• Your assignment
From the records below, extract only the lines running from the line with "#237=IFCMATERIAL('Planting soil in" to the line with "building_placement = place(site_placement, origin())", both lines included, reproducing them exactly.

• Data to examine
▽

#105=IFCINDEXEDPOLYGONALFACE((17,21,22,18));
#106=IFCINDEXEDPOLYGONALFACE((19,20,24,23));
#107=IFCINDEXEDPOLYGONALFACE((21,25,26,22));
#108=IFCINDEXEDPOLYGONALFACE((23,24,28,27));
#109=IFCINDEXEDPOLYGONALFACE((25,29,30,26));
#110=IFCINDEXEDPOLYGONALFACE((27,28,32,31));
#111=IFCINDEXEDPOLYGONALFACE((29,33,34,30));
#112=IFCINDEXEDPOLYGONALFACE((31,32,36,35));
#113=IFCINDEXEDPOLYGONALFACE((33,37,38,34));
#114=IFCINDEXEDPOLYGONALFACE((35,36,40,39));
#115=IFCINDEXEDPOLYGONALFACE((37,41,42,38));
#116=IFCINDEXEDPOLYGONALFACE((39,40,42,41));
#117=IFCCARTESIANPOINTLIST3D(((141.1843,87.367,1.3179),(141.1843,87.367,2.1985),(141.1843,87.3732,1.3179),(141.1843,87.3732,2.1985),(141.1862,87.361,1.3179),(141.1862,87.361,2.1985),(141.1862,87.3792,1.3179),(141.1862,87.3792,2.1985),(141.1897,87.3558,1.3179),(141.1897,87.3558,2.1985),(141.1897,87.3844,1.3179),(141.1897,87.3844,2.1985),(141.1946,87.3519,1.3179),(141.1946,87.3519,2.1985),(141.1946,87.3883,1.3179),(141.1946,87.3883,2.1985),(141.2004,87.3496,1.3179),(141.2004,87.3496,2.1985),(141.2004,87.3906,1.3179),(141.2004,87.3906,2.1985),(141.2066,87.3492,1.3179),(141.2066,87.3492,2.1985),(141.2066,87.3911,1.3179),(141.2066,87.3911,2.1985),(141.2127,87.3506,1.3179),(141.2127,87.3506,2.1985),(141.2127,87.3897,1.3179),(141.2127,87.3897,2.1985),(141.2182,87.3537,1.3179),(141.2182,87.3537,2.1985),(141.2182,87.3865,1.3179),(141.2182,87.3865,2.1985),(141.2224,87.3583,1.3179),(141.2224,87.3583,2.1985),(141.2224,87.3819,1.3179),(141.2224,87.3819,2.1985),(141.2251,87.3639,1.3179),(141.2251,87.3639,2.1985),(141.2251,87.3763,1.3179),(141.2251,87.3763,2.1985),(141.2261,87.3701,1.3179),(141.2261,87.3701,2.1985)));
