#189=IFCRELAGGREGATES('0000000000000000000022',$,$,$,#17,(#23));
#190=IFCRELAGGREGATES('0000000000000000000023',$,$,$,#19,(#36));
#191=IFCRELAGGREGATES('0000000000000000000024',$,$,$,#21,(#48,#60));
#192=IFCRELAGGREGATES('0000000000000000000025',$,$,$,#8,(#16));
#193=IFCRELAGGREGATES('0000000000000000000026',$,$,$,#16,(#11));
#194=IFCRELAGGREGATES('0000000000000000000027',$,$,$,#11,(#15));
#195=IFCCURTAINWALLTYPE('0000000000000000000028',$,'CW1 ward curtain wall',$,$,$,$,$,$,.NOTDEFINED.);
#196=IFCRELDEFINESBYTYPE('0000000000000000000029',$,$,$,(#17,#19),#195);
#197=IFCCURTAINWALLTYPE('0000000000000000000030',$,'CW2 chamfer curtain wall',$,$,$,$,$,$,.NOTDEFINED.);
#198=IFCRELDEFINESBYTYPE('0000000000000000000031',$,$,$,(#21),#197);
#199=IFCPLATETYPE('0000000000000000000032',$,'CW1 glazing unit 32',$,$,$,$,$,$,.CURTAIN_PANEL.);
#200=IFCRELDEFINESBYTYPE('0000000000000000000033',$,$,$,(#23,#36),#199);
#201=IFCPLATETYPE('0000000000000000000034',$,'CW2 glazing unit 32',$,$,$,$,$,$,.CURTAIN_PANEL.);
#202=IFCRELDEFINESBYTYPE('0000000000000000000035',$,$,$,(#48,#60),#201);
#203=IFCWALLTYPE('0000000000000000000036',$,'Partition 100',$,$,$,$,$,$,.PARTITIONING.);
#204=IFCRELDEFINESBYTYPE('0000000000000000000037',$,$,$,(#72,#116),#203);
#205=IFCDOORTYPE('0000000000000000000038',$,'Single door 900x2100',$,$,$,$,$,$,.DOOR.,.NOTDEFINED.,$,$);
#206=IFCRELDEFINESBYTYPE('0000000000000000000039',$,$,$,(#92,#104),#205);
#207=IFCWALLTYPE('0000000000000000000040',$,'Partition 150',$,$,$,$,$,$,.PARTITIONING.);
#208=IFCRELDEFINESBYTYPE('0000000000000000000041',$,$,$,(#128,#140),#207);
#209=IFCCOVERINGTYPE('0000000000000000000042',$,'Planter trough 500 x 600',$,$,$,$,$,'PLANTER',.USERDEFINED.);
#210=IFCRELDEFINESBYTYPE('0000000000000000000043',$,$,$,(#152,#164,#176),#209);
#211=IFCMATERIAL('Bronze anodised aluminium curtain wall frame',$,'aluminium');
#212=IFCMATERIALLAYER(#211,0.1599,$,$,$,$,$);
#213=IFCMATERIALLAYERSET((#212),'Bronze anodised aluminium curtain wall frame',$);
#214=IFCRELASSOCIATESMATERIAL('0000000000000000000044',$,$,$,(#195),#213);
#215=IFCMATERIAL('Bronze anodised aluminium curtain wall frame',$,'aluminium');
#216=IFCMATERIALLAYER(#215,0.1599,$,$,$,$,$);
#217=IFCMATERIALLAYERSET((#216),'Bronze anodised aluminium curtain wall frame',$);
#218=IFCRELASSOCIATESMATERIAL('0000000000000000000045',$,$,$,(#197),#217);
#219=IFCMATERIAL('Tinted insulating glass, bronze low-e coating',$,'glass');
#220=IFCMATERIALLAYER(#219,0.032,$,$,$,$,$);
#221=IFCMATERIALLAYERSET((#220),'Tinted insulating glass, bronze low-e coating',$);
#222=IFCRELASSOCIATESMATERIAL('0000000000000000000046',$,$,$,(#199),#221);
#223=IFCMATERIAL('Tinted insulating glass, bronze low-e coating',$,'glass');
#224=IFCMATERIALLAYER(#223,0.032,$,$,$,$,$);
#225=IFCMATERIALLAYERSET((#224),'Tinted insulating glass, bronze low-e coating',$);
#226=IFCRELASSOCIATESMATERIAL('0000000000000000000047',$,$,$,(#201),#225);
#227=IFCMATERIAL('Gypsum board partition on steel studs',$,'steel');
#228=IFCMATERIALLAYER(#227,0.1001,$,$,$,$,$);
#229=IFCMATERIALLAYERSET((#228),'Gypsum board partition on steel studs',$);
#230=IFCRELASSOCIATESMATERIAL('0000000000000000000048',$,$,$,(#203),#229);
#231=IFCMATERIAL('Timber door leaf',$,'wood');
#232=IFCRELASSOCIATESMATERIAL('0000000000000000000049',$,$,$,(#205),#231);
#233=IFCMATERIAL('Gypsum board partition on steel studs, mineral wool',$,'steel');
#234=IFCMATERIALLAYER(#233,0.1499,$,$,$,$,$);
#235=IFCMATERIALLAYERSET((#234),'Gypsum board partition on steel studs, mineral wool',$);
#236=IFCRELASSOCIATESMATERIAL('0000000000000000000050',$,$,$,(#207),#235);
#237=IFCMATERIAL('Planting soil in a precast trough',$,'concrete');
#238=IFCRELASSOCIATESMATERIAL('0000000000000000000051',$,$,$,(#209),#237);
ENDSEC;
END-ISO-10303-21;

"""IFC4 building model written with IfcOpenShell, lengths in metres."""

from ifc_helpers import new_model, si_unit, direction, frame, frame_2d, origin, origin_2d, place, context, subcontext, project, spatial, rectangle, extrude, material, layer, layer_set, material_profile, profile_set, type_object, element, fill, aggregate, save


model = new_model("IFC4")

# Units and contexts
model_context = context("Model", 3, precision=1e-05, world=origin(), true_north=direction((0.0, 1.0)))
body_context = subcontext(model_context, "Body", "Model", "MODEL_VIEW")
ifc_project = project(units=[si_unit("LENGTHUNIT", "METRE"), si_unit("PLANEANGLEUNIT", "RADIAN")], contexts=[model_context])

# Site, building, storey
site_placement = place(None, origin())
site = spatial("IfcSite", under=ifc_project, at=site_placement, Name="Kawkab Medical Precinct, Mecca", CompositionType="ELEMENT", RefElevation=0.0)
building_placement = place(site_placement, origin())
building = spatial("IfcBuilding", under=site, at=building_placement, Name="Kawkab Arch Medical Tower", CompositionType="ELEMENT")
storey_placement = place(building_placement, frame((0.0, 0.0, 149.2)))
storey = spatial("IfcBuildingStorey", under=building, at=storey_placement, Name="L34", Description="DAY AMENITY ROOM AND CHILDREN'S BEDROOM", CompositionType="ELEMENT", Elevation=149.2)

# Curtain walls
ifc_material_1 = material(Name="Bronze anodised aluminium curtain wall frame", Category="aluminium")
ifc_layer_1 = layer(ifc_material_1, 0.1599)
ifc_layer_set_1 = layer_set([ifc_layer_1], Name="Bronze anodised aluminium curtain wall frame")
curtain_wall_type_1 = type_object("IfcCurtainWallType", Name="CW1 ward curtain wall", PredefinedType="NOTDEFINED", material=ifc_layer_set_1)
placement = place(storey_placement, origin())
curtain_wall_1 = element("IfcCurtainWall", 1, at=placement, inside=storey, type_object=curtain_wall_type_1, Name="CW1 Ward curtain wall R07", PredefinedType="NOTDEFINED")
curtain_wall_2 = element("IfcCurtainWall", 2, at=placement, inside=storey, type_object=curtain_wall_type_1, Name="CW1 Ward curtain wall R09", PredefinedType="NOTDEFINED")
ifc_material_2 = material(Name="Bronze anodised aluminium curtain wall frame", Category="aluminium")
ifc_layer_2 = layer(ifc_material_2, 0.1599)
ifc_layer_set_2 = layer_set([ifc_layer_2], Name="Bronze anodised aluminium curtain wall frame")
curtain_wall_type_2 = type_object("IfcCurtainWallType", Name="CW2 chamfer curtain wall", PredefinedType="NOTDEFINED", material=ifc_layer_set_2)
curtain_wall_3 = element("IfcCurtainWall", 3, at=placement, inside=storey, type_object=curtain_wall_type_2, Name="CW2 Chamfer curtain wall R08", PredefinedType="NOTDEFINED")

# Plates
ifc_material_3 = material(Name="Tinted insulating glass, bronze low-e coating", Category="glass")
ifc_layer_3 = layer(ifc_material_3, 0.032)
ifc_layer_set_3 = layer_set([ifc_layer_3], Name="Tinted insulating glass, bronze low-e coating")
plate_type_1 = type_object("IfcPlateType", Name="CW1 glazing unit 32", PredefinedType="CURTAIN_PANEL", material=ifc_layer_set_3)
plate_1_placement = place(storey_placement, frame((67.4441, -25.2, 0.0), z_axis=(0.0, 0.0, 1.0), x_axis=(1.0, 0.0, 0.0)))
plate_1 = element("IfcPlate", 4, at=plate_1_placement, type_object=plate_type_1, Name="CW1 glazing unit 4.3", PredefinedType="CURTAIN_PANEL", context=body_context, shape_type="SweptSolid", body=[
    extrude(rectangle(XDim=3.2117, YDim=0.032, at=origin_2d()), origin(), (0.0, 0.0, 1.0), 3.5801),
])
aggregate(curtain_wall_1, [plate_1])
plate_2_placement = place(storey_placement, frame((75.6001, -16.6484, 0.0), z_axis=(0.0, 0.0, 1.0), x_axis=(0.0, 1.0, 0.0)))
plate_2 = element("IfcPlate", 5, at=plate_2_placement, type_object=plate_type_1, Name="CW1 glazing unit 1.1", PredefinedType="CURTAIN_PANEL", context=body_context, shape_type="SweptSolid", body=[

△

• Task response
#237=IFCMATERIAL('Planting soil in a precast trough',$,'concrete');
#238=IFCRELASSOCIATESMATERIAL('0000000000000000000051',$,$,$,(#209),#237);
ENDSEC;
END-ISO-10303-21;

"""IFC4 building model written with IfcOpenShell, lengths in metres."""

from ifc_helpers import new_model, si_unit, direction, frame, frame_2d, origin, origin_2d, place, context, subcontext, project, spatial, rectangle, extrude, material, layer, layer_set, material_profile, profile_set, type_object, element, fill, aggregate, save


model = new_model("IFC4")

# Units and contexts
model_context = context("Model", 3, precision=1e-05, world=origin(), true_north=direction((0.0, 1.0)))
body_context = subcontext(model_context, "Body", "Model", "MODEL_VIEW")
ifc_project = project(units=[si_unit("LENGTHUNIT", "METRE"), si_unit("PLANEANGLEUNIT", "RADIAN")], contexts=[model_context])

# Site, building, storey
site_placement = place(None, origin())
site = spatial("IfcSite", under=ifc_project, at=site_placement, Name="Kawkab Medical Precinct, Mecca", CompositionType="ELEMENT", RefElevation=0.0)
building_placement = place(site_placement, origin())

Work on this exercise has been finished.